### [WHAT YOU SHOULD DO]
Here is the task for the records below: repeat exactly the lines from the one with "#66=IFCINDEXEDPOLYGONALFACE((27,28,32,31));" to the one with "#70=IFCINDEXEDPOLYGONALFACE((35,36,41,39));", both included, and nothing else.

** Opening SUPPLIED ENTRIES block **

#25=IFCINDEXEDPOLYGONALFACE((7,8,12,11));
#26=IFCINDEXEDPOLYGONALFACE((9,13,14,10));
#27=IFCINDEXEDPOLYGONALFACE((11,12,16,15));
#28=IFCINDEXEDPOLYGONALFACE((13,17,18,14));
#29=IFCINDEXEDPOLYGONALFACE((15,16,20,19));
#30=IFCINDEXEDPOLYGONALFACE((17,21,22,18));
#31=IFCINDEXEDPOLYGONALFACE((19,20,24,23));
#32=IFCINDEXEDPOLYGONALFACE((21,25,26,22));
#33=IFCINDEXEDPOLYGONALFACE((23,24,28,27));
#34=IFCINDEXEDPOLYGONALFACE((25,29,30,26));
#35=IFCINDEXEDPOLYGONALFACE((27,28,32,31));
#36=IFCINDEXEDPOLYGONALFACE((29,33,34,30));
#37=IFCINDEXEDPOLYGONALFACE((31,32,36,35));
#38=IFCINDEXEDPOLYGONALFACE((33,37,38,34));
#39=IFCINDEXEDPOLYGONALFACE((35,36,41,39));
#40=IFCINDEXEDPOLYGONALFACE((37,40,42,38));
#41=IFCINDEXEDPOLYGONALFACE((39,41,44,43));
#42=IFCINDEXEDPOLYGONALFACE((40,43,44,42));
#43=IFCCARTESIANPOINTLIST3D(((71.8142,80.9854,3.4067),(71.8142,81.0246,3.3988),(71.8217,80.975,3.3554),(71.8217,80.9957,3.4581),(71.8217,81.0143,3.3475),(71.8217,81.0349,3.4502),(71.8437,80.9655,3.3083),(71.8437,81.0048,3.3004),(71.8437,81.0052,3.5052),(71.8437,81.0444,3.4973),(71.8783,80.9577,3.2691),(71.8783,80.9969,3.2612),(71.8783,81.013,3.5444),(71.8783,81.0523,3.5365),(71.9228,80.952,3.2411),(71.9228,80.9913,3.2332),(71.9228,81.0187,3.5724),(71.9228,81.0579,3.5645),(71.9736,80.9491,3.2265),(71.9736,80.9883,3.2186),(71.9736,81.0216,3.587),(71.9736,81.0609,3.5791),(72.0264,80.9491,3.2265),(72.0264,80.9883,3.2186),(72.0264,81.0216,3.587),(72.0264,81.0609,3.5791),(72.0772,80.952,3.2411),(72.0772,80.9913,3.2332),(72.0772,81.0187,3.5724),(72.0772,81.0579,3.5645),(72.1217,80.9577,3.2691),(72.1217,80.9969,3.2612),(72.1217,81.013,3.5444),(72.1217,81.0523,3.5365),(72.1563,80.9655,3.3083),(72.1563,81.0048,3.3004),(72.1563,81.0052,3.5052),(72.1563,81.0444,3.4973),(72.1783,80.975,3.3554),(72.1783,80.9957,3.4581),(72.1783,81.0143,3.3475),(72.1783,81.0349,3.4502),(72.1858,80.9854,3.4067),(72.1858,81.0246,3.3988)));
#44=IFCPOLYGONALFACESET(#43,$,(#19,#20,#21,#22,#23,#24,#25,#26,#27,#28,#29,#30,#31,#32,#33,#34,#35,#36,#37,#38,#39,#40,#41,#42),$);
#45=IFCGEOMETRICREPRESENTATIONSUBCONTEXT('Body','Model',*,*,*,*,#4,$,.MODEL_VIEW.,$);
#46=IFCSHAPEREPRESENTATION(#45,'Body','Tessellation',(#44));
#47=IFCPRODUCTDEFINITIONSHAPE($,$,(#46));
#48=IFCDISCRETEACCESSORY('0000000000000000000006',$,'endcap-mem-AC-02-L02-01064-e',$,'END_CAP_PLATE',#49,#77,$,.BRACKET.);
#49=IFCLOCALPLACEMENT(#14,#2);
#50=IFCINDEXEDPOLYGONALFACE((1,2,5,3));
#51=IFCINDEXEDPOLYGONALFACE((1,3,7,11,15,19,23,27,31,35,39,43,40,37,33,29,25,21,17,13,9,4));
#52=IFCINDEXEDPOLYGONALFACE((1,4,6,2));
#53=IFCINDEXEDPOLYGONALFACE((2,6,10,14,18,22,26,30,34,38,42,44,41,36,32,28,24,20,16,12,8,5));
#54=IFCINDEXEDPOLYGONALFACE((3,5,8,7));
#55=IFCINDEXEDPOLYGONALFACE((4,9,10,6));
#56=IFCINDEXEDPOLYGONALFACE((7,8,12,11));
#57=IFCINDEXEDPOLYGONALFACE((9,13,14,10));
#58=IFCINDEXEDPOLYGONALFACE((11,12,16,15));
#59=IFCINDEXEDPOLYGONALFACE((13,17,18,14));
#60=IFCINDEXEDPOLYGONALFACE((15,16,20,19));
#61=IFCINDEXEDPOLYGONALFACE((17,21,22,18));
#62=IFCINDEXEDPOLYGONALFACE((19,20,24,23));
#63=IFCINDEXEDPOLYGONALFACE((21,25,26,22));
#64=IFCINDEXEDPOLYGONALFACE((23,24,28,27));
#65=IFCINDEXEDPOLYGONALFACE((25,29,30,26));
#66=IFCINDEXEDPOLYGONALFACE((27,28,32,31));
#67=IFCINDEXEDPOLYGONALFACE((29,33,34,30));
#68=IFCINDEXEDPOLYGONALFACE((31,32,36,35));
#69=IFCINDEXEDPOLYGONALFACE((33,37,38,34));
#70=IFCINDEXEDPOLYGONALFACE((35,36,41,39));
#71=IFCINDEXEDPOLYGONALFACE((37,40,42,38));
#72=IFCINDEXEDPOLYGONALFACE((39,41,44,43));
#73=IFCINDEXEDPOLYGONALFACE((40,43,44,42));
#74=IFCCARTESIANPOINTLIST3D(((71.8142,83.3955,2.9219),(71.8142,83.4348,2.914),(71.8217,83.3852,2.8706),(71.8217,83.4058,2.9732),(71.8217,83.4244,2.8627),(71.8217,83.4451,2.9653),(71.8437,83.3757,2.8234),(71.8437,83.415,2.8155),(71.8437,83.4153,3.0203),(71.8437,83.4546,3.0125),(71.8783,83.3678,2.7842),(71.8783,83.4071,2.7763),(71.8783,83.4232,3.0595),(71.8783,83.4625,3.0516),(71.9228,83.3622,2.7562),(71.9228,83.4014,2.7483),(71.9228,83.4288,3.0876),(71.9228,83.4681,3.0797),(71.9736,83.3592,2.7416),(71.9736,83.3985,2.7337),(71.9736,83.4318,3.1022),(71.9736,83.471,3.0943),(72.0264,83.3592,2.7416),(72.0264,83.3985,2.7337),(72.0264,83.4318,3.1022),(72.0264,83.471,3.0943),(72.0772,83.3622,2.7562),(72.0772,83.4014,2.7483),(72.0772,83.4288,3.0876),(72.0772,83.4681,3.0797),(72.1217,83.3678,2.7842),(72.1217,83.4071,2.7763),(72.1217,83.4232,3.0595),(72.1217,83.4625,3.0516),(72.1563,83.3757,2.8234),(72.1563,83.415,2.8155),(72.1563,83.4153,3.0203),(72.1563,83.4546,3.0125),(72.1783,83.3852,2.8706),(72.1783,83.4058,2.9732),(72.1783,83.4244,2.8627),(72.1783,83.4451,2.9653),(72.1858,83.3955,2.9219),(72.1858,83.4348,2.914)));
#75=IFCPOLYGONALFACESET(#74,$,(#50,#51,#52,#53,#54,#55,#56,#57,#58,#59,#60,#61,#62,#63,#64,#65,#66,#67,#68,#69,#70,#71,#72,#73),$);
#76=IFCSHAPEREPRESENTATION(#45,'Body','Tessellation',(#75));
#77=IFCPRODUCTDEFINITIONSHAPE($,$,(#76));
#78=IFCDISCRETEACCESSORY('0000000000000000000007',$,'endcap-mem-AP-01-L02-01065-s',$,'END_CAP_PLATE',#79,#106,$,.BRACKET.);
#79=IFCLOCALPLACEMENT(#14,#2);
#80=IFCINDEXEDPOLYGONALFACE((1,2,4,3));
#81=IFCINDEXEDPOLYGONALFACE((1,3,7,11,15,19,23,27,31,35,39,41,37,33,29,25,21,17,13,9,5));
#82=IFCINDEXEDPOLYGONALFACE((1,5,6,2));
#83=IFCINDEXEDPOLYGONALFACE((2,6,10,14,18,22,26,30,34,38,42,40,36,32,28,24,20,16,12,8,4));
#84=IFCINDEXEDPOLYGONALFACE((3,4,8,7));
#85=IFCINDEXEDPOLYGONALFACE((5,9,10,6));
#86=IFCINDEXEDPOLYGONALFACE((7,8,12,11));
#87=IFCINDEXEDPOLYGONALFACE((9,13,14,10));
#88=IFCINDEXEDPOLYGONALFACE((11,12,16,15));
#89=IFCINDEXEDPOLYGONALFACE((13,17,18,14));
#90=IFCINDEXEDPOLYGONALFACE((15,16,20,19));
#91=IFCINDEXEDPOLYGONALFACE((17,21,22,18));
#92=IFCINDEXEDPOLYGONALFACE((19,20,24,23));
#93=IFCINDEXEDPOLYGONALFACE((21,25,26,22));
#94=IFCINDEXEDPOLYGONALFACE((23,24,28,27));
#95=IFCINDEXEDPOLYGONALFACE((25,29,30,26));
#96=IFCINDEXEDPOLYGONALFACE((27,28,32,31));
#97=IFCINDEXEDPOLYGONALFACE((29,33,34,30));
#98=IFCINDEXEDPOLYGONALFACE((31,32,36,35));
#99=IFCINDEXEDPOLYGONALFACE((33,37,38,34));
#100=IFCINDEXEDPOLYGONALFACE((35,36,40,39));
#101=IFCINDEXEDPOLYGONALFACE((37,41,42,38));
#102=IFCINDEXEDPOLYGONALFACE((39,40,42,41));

** Closing SUPPLIED ENTRIES block **

### [TASK ANSWER]
#66=IFCINDEXEDPOLYGONALFACE((27,28,32,31));
#67=IFCINDEXEDPOLYGONALFACE((29,33,34,30));
#68=IFCINDEXEDPOLYGONALFACE((31,32,36,35));
#69=IFCINDEXEDPOLYGONALFACE((33,37,38,34));
#70=IFCINDEXEDPOLYGONALFACE((35,36,41,39));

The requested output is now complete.